**WHAT THE TASK REQUIRES**
Wherever "concrete" shows up in the records below, copy the whole line.

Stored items
◇ ◇ ◇ ◇

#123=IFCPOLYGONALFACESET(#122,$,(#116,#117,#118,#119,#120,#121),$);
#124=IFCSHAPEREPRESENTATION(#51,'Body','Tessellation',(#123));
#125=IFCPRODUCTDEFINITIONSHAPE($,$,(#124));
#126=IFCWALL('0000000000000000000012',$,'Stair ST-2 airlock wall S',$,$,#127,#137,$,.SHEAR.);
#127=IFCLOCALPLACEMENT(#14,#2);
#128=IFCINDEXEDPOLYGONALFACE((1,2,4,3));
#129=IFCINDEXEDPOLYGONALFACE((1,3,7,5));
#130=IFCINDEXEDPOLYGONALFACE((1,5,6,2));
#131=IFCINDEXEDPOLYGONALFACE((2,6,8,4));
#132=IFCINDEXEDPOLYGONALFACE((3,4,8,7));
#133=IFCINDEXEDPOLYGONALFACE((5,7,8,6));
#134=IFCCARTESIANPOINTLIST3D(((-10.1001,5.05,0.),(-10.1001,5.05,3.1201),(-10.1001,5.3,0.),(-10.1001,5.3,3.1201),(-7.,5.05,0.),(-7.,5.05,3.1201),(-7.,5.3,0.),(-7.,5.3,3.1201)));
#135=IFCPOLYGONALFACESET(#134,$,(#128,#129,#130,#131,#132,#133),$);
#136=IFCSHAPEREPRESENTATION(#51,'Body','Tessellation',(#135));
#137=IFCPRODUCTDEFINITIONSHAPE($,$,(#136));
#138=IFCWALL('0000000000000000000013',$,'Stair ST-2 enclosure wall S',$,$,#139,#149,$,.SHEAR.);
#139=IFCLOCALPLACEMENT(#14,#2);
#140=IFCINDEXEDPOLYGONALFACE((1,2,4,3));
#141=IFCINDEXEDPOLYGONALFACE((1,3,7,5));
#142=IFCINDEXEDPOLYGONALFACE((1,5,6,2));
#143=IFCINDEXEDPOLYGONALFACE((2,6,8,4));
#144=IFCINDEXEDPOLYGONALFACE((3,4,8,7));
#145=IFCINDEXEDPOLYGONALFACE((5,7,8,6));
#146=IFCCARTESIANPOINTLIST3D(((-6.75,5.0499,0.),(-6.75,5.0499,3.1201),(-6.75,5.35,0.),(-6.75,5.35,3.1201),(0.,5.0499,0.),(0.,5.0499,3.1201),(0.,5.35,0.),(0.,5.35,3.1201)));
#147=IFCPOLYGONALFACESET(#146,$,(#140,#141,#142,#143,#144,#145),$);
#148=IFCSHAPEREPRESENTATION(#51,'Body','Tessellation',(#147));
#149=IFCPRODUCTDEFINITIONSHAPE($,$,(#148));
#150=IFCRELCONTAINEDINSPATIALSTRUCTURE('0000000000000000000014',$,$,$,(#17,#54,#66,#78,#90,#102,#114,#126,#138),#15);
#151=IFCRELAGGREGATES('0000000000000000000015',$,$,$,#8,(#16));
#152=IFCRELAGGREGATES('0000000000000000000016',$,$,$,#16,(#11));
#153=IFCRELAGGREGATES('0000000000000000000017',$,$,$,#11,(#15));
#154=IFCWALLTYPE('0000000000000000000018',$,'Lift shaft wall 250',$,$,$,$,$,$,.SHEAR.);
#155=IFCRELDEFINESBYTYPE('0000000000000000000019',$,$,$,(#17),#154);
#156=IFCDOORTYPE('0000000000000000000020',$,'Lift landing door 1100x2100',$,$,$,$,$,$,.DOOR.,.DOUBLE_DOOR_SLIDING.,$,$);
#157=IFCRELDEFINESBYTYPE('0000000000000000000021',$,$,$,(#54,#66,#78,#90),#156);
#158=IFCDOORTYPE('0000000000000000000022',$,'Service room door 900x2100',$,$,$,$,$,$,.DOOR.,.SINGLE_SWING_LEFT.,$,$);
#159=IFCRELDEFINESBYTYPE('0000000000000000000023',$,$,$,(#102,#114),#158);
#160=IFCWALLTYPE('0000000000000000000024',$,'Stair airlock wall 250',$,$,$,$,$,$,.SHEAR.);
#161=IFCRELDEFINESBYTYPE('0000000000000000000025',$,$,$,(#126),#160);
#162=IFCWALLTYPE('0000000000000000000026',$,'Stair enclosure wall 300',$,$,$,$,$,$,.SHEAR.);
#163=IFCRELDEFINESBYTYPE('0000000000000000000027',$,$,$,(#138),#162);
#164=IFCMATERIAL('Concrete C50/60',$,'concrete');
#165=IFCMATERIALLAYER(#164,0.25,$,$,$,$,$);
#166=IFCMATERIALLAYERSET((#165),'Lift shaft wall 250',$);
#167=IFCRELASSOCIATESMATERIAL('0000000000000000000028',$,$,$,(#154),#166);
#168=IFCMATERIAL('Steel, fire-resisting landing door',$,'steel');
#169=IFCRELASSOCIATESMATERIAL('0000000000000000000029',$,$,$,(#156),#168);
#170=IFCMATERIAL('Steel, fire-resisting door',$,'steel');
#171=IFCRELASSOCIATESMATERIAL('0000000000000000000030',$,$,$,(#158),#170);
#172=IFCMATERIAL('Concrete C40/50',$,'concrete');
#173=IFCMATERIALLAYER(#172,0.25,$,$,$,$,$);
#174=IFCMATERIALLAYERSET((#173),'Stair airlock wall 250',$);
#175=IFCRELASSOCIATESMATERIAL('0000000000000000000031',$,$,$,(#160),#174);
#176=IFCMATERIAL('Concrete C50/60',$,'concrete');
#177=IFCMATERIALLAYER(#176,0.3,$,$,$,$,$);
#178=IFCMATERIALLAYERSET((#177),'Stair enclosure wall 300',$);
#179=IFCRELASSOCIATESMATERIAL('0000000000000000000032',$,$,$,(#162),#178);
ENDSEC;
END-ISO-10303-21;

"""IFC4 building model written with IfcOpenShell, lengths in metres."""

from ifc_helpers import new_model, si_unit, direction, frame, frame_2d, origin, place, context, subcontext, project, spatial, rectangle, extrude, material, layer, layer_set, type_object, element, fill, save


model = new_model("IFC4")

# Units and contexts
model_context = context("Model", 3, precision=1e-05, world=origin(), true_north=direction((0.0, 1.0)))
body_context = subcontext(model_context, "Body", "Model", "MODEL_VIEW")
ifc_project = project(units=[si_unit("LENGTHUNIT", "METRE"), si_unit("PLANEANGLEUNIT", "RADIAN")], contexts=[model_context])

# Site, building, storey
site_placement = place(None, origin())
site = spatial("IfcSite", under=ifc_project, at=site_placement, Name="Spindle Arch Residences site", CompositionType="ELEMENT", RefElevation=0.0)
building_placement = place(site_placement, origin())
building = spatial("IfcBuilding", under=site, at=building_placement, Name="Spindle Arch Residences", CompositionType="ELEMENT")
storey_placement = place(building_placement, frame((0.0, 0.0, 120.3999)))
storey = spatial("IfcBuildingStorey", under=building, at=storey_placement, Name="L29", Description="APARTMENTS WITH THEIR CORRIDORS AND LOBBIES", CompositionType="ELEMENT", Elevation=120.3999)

◇ ◇ ◇ ◇

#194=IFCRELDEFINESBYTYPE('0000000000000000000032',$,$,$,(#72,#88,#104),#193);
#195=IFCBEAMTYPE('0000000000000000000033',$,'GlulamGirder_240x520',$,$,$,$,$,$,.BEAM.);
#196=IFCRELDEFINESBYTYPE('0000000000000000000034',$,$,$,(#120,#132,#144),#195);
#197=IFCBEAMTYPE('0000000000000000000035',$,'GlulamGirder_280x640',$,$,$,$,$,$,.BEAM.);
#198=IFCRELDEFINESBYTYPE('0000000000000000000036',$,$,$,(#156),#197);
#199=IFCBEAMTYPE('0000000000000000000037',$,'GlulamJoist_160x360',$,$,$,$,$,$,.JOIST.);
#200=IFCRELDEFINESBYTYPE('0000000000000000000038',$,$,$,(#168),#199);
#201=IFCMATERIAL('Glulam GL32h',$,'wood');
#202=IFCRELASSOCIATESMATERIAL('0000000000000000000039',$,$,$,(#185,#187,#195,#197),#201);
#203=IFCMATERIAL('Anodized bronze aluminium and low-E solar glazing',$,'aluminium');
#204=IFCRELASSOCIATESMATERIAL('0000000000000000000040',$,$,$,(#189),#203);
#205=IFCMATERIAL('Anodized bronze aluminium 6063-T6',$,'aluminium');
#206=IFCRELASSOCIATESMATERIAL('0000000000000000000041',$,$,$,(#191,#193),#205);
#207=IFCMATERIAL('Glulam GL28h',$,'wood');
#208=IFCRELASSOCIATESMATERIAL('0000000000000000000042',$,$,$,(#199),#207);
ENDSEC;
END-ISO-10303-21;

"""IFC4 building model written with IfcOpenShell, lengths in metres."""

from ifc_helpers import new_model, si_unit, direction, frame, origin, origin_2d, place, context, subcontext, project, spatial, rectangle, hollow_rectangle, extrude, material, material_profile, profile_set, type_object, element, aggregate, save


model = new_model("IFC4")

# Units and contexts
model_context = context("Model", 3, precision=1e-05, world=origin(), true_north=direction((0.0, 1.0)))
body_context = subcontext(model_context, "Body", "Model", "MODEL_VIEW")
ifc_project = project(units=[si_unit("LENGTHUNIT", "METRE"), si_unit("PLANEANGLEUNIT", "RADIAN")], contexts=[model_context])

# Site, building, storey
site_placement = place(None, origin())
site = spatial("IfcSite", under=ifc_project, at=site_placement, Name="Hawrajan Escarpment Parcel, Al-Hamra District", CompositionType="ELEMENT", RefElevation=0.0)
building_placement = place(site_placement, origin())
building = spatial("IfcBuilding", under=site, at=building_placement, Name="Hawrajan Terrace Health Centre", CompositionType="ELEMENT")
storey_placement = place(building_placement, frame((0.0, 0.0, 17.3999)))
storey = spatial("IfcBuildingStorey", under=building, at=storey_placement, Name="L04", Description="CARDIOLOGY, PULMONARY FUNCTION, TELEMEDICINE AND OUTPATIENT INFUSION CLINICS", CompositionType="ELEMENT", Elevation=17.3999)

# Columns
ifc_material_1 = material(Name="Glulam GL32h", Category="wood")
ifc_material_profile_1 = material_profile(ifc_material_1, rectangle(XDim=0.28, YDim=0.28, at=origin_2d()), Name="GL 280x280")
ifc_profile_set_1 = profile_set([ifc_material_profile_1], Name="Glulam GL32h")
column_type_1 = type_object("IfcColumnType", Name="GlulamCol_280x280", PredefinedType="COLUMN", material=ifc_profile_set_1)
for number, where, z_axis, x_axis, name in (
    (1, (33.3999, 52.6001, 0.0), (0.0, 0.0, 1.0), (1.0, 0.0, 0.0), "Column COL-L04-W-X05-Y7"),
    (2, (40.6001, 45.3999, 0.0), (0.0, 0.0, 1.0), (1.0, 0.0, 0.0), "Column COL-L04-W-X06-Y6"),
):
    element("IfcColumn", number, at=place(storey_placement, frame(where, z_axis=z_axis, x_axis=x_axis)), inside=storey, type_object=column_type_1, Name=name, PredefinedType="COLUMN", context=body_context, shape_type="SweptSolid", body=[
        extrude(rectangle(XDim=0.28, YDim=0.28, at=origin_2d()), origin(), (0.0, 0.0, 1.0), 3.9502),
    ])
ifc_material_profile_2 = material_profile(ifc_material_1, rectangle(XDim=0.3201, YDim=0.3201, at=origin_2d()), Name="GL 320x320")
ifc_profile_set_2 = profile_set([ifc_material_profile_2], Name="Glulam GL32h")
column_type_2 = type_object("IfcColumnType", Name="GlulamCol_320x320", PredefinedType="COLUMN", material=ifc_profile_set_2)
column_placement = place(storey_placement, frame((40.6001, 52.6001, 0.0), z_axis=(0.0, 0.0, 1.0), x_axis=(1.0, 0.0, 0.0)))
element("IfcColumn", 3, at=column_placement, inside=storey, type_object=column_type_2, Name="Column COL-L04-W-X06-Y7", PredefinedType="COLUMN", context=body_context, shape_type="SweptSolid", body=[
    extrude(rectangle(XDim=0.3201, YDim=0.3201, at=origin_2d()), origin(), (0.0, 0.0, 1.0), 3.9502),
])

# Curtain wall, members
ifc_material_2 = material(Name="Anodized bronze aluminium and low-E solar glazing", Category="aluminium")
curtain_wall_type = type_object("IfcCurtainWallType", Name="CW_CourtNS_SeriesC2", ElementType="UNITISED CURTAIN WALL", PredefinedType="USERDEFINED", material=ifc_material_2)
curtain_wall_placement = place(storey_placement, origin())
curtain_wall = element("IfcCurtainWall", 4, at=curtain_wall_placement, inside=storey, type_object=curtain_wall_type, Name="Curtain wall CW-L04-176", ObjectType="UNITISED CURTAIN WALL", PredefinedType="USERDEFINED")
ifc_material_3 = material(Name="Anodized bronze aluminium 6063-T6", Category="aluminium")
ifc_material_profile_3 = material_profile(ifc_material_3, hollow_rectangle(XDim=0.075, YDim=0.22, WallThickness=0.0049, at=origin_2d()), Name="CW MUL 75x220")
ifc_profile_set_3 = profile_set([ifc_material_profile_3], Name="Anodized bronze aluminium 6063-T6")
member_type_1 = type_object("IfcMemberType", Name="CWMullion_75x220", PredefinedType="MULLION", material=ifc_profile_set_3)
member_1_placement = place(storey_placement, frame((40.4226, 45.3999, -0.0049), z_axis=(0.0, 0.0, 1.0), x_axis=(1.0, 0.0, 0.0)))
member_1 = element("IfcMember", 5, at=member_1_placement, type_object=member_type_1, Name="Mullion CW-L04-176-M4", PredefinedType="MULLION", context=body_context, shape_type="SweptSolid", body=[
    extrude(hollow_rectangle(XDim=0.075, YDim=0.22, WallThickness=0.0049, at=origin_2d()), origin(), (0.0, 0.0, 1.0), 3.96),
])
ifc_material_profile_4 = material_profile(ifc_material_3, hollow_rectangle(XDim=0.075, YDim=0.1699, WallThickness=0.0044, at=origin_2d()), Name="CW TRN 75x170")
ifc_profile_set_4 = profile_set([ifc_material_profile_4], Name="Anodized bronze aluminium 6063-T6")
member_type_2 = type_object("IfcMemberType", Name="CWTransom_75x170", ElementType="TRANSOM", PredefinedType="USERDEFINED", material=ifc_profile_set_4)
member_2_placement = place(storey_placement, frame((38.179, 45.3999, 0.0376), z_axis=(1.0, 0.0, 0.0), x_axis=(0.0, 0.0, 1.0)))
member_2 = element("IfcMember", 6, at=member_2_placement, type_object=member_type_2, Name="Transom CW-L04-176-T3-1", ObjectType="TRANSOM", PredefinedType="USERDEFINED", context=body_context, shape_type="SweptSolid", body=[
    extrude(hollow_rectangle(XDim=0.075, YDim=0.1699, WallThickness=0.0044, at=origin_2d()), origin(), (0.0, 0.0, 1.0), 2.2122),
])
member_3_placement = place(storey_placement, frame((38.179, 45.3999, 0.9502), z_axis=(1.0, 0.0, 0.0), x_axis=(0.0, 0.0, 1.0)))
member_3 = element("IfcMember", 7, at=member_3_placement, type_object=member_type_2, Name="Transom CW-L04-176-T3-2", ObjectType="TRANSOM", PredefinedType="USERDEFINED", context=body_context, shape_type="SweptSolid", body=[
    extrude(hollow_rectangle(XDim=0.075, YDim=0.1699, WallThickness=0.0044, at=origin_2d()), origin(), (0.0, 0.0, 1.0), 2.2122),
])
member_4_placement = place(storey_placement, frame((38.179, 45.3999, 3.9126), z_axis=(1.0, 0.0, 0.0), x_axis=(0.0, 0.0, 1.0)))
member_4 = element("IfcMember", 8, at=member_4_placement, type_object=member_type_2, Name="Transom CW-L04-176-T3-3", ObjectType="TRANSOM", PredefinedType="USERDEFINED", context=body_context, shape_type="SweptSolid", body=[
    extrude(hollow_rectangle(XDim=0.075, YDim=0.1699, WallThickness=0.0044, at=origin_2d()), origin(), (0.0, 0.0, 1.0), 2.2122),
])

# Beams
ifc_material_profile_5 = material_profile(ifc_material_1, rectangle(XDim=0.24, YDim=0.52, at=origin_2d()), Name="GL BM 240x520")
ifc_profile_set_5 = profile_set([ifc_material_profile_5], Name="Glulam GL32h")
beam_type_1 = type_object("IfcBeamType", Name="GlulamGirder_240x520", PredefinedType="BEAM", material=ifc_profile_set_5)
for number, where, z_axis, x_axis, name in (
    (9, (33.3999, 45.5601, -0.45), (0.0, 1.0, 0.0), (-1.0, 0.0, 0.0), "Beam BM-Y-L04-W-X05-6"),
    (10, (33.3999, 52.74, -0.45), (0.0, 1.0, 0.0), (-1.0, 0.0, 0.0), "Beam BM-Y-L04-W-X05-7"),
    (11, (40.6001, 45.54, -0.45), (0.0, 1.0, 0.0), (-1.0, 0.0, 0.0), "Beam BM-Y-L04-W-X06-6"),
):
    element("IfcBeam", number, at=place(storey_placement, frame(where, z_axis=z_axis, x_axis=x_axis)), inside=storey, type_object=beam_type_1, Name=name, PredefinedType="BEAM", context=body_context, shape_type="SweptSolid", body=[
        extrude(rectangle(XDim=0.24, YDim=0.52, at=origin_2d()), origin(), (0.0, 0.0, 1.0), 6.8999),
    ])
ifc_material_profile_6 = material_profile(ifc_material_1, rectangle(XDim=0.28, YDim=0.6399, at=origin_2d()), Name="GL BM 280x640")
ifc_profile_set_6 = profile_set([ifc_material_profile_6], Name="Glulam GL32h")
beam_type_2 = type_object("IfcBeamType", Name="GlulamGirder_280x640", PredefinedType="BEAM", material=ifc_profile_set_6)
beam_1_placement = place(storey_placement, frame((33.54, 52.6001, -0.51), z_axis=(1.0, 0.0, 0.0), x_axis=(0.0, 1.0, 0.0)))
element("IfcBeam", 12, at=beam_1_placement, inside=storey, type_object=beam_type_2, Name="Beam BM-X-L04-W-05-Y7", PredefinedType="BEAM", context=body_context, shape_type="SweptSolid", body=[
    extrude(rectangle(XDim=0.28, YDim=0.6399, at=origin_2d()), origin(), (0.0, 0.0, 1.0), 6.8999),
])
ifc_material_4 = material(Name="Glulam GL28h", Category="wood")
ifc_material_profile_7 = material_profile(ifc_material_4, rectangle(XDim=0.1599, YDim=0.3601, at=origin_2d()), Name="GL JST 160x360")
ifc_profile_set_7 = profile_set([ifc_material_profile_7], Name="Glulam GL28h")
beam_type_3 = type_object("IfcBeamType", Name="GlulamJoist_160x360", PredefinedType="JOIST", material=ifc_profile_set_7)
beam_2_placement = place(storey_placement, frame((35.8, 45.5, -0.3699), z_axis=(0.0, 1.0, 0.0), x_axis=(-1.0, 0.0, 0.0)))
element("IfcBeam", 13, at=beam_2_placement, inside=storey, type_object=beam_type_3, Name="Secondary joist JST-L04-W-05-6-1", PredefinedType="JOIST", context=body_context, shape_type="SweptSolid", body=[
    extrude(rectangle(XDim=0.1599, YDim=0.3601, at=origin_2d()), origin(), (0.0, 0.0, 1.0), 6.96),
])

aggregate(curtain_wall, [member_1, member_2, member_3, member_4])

◇ ◇ ◇ ◇

**EXERCISE RESPONSE**
#164=IFCMATERIAL('Concrete C50/60',$,'concrete');
#172=IFCMATERIAL('Concrete C40/50',$,'concrete');
#176=IFCMATERIAL('Concrete C50/60',$,'concrete');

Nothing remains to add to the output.